__GIVEN ENTRIES__:
• • • • •
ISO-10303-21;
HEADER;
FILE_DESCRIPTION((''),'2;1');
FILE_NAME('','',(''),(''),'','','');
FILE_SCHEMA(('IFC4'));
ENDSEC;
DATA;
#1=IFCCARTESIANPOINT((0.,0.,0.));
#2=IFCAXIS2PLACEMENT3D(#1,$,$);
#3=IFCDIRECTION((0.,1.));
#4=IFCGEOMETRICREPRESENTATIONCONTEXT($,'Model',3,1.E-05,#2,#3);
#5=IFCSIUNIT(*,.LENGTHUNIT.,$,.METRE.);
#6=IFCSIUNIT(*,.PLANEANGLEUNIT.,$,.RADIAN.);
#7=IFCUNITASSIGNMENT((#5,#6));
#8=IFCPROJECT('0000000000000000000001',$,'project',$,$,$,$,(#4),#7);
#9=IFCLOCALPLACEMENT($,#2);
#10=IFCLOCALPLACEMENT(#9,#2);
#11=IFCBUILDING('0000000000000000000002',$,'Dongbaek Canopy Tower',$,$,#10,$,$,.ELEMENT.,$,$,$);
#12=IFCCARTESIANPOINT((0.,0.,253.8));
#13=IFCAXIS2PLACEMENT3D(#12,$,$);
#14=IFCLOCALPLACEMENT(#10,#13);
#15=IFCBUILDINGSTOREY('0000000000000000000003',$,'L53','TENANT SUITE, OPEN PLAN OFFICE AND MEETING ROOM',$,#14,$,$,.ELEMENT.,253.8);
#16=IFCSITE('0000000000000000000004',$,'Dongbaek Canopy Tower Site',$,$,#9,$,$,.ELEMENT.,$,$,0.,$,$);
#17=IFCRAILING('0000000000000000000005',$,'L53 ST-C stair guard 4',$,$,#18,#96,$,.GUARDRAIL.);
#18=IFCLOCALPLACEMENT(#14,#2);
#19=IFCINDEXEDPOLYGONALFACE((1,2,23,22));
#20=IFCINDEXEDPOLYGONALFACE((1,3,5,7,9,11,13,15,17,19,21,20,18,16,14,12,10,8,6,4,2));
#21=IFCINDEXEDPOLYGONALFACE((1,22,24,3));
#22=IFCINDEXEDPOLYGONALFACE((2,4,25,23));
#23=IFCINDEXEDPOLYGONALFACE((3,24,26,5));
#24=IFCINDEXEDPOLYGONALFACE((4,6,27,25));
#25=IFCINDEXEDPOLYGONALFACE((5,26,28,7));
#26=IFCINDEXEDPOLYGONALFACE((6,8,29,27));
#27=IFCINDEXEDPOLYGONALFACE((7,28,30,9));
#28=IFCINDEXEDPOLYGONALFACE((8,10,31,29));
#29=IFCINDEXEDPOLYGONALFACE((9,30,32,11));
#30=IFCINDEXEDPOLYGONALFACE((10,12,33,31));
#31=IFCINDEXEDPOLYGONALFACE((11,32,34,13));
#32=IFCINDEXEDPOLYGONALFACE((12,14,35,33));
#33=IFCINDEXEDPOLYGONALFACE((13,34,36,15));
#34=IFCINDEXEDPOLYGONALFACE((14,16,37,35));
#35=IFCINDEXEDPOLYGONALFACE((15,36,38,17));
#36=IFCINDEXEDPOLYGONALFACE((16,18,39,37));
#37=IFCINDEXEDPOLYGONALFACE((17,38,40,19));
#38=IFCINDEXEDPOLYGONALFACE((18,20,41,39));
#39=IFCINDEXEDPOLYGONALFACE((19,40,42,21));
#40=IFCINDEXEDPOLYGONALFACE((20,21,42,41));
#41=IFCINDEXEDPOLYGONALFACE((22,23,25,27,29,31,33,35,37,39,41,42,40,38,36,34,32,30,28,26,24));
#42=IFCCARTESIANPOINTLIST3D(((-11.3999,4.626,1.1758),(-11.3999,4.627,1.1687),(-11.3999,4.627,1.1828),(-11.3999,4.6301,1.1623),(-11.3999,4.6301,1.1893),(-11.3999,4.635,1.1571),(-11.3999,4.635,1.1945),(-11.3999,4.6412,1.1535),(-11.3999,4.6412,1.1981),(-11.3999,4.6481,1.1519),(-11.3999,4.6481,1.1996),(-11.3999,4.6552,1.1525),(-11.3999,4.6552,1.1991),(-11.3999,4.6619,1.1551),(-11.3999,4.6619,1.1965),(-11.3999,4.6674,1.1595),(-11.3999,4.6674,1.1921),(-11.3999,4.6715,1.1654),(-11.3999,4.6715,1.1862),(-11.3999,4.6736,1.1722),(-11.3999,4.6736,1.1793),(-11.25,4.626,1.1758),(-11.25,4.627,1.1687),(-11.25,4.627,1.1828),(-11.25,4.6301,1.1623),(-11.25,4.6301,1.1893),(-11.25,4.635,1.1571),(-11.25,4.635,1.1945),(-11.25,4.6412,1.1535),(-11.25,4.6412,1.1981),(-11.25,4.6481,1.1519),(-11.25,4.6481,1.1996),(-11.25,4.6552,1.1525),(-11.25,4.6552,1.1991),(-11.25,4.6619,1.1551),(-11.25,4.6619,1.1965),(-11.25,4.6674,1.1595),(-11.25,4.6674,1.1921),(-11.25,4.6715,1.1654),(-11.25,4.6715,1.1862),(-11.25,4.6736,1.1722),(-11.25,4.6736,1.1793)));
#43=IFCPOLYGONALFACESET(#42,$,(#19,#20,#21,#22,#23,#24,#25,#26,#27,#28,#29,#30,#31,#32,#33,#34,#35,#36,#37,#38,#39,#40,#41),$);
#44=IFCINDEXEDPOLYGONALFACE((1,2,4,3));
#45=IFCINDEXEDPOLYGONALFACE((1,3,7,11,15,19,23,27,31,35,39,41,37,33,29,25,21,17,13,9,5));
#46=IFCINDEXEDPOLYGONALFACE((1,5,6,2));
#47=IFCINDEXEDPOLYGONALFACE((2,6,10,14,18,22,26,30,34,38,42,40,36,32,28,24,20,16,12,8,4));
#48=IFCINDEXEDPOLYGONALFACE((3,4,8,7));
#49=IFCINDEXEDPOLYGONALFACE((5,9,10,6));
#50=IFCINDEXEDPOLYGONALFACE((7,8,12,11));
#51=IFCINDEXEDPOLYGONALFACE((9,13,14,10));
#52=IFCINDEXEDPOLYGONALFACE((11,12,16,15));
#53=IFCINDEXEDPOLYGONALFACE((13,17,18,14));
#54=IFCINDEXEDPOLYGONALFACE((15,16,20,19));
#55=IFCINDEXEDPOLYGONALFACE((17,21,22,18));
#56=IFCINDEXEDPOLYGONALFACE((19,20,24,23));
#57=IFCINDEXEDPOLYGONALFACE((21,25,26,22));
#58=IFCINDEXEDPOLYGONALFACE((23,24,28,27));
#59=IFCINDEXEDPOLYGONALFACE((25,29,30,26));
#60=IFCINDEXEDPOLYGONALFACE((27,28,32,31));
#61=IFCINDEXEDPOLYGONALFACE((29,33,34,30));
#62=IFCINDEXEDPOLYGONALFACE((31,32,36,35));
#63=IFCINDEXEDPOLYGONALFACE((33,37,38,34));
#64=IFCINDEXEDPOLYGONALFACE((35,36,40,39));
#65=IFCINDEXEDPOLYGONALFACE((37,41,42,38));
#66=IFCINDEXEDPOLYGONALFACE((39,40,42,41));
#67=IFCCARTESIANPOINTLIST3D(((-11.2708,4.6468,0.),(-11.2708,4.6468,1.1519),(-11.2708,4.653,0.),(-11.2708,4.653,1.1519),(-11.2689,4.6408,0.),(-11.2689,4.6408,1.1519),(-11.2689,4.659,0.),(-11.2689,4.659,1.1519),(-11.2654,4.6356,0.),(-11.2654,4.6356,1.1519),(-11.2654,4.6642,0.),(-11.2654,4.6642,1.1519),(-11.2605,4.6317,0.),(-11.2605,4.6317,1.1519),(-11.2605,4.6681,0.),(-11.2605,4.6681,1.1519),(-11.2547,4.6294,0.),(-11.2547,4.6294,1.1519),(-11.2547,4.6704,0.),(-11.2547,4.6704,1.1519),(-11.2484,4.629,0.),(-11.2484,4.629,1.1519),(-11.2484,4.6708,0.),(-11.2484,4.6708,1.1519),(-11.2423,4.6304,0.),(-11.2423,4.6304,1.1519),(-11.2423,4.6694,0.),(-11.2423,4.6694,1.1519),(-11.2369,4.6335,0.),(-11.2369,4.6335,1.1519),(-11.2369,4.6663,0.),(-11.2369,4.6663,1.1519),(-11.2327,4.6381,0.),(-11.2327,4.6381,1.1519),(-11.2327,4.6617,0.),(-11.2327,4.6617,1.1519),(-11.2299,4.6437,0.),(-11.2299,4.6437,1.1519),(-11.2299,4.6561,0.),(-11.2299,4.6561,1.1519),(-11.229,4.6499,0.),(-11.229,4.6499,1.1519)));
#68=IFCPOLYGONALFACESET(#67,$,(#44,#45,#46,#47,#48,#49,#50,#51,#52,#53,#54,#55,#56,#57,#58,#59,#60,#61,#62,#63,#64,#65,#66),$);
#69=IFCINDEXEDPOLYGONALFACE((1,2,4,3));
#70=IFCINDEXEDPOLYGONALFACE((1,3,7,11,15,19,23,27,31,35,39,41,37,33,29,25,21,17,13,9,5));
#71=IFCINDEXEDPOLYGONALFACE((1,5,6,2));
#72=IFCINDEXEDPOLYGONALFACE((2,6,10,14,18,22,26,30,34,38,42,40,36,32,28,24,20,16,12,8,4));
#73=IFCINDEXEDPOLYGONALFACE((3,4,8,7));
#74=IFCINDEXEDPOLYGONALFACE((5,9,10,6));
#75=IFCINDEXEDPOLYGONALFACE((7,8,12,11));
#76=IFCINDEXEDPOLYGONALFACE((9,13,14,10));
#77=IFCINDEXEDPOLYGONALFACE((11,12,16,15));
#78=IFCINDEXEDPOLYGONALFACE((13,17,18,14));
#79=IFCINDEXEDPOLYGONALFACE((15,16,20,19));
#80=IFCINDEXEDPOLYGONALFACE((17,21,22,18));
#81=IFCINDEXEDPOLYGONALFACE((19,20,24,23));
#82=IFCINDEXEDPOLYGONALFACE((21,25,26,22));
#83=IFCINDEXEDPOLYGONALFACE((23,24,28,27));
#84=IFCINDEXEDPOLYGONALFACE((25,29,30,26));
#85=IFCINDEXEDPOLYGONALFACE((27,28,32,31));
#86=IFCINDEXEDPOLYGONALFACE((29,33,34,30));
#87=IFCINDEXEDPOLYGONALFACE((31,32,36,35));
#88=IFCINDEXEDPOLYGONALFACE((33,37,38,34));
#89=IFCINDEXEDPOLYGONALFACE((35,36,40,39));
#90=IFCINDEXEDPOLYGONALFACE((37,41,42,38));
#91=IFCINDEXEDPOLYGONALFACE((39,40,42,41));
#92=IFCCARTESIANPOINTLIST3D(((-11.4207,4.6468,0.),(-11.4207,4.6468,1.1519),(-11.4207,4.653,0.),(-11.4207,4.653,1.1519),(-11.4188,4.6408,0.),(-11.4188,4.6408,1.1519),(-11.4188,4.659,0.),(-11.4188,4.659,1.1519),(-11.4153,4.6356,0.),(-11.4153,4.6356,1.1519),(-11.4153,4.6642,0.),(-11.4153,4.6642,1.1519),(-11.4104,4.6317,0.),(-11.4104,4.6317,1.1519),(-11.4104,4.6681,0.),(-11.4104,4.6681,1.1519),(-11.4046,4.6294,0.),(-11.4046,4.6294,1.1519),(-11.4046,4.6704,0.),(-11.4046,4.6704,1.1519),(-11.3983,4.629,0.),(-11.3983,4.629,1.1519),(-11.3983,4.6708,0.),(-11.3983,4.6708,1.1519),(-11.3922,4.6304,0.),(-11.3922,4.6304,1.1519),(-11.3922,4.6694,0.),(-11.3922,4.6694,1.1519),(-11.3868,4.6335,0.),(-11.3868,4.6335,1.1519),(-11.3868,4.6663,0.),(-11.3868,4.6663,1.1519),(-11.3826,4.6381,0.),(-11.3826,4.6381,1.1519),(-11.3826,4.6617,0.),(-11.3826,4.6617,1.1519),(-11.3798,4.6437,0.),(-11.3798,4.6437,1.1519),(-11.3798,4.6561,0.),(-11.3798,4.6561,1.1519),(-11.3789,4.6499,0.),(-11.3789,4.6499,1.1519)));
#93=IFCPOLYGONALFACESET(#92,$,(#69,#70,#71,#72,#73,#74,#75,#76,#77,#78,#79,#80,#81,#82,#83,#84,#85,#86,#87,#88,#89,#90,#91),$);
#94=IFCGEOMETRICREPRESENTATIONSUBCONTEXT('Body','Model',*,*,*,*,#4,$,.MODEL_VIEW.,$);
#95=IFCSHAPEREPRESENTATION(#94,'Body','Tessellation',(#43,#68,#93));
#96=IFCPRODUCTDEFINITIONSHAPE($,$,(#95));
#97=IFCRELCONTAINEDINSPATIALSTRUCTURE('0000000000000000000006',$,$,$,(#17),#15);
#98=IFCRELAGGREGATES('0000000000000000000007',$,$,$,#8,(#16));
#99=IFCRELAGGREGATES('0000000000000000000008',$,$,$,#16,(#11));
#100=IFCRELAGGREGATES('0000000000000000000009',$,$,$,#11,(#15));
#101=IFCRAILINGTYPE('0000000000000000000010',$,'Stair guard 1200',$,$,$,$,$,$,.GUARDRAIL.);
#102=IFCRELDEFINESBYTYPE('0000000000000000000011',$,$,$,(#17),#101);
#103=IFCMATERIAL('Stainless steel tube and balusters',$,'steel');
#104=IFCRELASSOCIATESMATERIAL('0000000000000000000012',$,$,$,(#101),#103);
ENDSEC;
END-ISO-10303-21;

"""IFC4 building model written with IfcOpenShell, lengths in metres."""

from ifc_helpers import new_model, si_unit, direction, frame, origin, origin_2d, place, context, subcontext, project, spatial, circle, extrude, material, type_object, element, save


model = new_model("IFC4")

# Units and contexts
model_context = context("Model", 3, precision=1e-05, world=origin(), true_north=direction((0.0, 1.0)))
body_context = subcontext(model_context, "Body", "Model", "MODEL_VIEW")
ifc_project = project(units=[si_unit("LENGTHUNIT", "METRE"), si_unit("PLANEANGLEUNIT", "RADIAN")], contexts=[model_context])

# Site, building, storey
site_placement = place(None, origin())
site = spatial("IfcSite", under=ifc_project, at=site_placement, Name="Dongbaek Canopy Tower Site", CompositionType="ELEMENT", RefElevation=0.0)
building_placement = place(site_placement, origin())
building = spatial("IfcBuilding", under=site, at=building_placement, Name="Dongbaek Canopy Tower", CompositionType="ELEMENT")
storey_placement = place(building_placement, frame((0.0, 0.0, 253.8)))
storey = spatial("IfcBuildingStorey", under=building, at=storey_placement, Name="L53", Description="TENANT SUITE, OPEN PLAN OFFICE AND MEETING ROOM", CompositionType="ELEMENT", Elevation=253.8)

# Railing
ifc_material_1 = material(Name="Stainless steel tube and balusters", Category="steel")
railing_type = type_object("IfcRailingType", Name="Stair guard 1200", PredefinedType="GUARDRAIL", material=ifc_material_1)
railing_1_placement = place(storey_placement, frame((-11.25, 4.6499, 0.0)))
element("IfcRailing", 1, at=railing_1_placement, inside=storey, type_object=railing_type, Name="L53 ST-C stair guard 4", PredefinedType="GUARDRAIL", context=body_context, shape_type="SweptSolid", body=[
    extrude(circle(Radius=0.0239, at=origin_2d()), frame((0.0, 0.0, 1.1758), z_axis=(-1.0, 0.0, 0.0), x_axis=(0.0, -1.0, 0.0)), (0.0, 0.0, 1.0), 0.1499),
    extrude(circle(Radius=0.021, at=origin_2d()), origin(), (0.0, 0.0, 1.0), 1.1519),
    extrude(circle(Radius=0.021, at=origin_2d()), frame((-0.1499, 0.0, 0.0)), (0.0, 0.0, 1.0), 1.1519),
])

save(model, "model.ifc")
• • • • •
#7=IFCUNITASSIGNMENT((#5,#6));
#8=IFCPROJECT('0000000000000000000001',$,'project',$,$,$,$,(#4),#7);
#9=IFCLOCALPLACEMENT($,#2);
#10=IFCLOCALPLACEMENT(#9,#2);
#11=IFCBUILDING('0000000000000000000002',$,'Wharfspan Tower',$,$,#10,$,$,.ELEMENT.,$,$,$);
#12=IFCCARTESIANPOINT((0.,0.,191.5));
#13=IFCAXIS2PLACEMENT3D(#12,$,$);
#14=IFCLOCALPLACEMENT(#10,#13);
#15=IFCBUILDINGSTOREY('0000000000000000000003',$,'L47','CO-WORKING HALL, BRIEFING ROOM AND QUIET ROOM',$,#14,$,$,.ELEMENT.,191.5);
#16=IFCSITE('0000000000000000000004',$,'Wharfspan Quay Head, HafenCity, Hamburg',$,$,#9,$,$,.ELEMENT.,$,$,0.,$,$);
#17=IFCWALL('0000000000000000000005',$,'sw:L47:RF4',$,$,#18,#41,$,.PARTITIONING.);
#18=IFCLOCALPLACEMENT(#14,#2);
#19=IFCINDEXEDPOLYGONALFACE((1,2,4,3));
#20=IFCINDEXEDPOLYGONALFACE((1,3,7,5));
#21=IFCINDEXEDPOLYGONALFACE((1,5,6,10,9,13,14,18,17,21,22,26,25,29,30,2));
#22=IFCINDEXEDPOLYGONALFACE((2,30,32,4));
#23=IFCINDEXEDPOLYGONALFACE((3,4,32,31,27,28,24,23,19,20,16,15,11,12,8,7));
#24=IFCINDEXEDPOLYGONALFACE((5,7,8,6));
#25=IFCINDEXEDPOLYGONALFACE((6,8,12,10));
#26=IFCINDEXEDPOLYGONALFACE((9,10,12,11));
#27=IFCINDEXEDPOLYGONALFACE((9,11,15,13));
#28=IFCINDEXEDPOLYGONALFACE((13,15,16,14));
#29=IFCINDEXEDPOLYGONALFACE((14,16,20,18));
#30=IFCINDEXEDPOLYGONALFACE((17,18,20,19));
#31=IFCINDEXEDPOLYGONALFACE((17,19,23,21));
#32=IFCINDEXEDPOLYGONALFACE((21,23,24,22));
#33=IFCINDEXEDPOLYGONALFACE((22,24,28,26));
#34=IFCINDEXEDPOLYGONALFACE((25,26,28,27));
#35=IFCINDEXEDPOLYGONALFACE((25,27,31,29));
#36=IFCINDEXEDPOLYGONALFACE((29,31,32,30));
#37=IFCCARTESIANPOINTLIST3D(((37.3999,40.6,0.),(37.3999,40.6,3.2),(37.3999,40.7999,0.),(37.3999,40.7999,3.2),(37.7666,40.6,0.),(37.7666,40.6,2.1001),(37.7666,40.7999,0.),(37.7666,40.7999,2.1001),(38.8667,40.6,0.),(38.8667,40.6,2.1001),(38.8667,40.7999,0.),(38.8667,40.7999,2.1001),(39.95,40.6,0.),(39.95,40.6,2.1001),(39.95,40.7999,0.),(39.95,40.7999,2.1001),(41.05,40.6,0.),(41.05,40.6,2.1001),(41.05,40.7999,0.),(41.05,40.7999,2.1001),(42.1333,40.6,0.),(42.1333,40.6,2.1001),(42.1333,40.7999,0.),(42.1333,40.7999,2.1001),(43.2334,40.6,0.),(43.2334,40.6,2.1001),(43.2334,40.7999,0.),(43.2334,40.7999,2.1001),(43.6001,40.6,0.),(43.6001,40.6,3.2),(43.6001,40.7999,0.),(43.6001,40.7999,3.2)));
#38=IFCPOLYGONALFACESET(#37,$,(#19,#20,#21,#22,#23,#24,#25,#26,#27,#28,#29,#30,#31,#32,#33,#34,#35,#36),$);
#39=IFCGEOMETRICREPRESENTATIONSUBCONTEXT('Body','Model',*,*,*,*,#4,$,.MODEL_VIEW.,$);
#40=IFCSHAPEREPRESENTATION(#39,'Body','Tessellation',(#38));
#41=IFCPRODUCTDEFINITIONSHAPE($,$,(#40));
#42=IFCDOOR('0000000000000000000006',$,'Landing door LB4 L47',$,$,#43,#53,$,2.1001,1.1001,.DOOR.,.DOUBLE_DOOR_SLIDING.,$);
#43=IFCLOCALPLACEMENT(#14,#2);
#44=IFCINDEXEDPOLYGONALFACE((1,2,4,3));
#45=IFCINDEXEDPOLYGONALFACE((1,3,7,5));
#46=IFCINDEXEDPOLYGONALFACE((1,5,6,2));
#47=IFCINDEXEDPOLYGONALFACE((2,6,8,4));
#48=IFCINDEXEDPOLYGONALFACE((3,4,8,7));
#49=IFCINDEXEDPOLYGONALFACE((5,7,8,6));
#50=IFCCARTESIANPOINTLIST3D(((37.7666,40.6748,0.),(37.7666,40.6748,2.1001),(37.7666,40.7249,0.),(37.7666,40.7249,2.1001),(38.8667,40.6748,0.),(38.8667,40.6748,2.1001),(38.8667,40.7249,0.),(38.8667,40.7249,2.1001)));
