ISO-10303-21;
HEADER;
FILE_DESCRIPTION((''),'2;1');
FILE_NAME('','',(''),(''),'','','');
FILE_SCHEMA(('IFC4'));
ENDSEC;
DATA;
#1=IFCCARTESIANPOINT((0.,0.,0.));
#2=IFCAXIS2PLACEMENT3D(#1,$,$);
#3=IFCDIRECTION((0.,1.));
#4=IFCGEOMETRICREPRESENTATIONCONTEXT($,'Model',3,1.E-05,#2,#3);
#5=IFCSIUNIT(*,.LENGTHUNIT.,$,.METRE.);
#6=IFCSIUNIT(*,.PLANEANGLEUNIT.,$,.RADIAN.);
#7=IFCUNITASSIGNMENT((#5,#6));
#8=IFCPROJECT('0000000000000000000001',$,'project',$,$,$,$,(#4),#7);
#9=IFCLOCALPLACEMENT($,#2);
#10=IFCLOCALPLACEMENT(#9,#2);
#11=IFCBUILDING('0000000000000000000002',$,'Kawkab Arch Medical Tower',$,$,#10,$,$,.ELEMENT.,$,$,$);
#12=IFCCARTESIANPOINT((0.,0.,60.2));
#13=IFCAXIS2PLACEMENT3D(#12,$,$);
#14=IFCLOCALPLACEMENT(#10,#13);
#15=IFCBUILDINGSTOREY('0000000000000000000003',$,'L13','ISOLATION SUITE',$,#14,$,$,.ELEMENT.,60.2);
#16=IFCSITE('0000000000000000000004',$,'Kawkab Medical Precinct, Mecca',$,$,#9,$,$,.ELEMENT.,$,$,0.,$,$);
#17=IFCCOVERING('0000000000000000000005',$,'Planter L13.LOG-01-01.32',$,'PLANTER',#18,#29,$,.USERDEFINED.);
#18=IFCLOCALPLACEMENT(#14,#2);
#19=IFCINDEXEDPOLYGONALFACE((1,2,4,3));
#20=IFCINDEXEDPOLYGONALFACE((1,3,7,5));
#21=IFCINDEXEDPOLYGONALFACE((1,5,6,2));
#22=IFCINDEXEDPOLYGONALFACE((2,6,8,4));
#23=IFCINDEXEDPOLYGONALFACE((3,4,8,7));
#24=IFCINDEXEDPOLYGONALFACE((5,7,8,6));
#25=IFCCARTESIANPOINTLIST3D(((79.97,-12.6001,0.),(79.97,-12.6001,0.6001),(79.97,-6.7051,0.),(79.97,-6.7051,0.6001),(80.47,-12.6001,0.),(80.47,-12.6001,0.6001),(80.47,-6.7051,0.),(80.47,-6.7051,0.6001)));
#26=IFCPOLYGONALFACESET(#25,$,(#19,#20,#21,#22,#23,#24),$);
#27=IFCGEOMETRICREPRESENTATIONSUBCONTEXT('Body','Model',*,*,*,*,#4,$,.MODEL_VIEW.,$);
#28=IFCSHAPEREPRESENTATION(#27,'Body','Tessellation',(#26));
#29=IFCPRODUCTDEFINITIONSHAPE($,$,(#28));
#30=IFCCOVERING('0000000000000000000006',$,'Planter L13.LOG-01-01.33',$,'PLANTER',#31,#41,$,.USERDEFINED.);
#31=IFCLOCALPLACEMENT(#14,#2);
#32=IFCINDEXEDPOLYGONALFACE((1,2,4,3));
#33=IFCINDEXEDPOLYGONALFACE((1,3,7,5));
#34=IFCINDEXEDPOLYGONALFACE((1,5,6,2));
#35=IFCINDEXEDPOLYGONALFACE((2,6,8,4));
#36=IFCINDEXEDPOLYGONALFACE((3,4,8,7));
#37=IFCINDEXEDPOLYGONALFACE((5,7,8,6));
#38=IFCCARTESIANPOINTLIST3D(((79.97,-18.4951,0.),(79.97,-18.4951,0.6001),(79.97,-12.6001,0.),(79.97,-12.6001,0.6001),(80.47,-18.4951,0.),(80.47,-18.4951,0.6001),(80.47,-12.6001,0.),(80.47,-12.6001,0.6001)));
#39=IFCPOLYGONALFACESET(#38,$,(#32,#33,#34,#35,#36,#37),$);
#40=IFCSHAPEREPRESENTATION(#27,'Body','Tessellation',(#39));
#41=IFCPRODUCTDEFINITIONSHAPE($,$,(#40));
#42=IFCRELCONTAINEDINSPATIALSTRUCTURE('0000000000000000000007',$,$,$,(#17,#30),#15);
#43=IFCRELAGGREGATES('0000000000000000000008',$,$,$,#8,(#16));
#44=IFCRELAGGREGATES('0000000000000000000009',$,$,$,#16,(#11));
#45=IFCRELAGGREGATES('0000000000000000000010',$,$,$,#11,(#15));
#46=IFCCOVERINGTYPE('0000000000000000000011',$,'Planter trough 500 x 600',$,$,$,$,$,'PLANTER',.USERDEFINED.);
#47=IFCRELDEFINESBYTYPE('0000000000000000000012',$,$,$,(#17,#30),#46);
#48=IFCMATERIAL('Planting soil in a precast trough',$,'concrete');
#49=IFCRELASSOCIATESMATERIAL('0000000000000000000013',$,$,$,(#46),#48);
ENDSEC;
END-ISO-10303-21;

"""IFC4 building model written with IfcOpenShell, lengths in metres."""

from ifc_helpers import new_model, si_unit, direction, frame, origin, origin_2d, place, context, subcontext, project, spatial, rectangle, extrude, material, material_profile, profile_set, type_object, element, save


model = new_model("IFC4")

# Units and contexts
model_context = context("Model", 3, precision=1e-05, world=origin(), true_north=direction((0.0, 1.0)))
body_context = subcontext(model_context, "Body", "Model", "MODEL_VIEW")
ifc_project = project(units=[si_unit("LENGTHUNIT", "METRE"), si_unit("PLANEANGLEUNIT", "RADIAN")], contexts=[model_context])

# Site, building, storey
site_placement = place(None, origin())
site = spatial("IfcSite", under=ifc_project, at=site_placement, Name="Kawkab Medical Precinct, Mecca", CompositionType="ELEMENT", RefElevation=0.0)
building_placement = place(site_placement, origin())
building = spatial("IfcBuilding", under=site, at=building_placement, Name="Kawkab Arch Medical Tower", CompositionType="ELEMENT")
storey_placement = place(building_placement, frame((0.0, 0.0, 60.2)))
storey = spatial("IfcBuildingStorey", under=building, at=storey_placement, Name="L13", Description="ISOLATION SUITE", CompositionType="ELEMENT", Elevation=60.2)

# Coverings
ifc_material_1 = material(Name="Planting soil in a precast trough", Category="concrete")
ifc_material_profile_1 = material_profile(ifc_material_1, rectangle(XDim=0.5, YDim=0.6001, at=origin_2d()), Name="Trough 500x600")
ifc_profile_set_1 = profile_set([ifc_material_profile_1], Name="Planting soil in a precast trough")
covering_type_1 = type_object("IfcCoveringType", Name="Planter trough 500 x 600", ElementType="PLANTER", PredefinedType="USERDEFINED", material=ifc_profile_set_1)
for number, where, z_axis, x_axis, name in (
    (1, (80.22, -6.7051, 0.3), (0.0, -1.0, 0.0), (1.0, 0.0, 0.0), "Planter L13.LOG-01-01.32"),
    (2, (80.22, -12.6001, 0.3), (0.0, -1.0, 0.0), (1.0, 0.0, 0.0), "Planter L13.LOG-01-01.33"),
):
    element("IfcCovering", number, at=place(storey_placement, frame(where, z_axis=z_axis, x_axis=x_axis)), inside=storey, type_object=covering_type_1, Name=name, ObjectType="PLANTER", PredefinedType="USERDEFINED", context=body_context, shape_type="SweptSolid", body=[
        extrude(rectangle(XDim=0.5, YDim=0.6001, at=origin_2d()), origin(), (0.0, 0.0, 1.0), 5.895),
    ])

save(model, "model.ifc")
• • • • •
__BRIEF__: Search the records for the word "IFCRELAGGREGATES", then list every line that has it.

__ANSWER FOR THE TASK__:
#98=IFCRELAGGREGATES('0000000000000000000007',$,$,$,#8,(#16));
#99=IFCRELAGGREGATES('0000000000000000000008',$,$,$,#16,(#11));
#100=IFCRELAGGREGATES('0000000000000000000009',$,$,$,#11,(#15));
#43=IFCRELAGGREGATES('0000000000000000000008',$,$,$,#8,(#16));
#44=IFCRELAGGREGATES('0000000000000000000009',$,$,$,#16,(#11));
#45=IFCRELAGGREGATES('0000000000000000000010',$,$,$,#11,(#15));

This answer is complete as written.